## [Data for review]
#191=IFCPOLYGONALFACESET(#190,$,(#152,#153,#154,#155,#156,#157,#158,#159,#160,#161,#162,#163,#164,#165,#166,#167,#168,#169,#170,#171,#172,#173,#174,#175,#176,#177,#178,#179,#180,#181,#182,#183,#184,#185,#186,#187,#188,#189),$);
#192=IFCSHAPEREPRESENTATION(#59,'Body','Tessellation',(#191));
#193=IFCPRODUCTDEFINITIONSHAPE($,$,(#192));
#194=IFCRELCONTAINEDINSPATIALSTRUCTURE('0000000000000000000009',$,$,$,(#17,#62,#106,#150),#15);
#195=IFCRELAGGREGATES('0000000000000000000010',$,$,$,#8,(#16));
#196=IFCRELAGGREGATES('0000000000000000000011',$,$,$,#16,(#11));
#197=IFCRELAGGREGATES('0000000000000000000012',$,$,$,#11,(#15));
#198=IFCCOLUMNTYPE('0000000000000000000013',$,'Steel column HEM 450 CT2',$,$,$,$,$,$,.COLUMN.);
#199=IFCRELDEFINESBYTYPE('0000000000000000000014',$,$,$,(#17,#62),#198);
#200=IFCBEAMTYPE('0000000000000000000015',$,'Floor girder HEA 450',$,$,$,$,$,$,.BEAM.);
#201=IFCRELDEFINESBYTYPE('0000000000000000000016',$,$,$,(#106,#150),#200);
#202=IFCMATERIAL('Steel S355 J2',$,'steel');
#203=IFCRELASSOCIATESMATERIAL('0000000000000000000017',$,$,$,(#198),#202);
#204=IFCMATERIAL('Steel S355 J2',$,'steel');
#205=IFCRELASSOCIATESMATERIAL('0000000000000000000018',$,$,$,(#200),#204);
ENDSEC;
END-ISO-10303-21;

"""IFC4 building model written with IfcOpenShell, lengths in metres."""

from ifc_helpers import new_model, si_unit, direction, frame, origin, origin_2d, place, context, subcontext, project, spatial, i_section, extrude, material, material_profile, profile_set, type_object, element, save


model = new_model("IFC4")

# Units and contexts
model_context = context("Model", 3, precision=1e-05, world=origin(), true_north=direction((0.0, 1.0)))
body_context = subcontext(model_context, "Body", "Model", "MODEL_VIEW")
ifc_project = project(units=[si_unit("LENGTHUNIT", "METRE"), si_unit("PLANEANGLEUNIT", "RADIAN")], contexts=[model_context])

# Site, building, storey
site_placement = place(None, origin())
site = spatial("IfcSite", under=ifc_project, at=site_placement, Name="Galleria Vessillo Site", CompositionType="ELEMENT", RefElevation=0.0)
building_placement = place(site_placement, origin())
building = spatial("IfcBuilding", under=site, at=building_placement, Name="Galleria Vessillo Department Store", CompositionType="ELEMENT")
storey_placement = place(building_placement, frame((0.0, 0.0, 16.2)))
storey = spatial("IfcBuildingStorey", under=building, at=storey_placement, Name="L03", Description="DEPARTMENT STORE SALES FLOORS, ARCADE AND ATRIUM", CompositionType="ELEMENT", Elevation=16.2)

## [What the task requires]
Starting at the line that contains "# Units and contexts", retype each remaining line of the records exactly; that line and the last line are both included.

## [Result of this exercise]
# Units and contexts
model_context = context("Model", 3, precision=1e-05, world=origin(), true_north=direction((0.0, 1.0)))
body_context = subcontext(model_context, "Body", "Model", "MODEL_VIEW")
ifc_project = project(units=[si_unit("LENGTHUNIT", "METRE"), si_unit("PLANEANGLEUNIT", "RADIAN")], contexts=[model_context])

# Site, building, storey
site_placement = place(None, origin())
site = spatial("IfcSite", under=ifc_project, at=site_placement, Name="Galleria Vessillo Site", CompositionType="ELEMENT", RefElevation=0.0)
building_placement = place(site_placement, origin())
building = spatial("IfcBuilding", under=site, at=building_placement, Name="Galleria Vessillo Department Store", CompositionType="ELEMENT")
storey_placement = place(building_placement, frame((0.0, 0.0, 16.2)))
storey = spatial("IfcBuildingStorey", under=building, at=storey_placement, Name="L03", Description="DEPARTMENT STORE SALES FLOORS, ARCADE AND ATRIUM", CompositionType="ELEMENT", Elevation=16.2)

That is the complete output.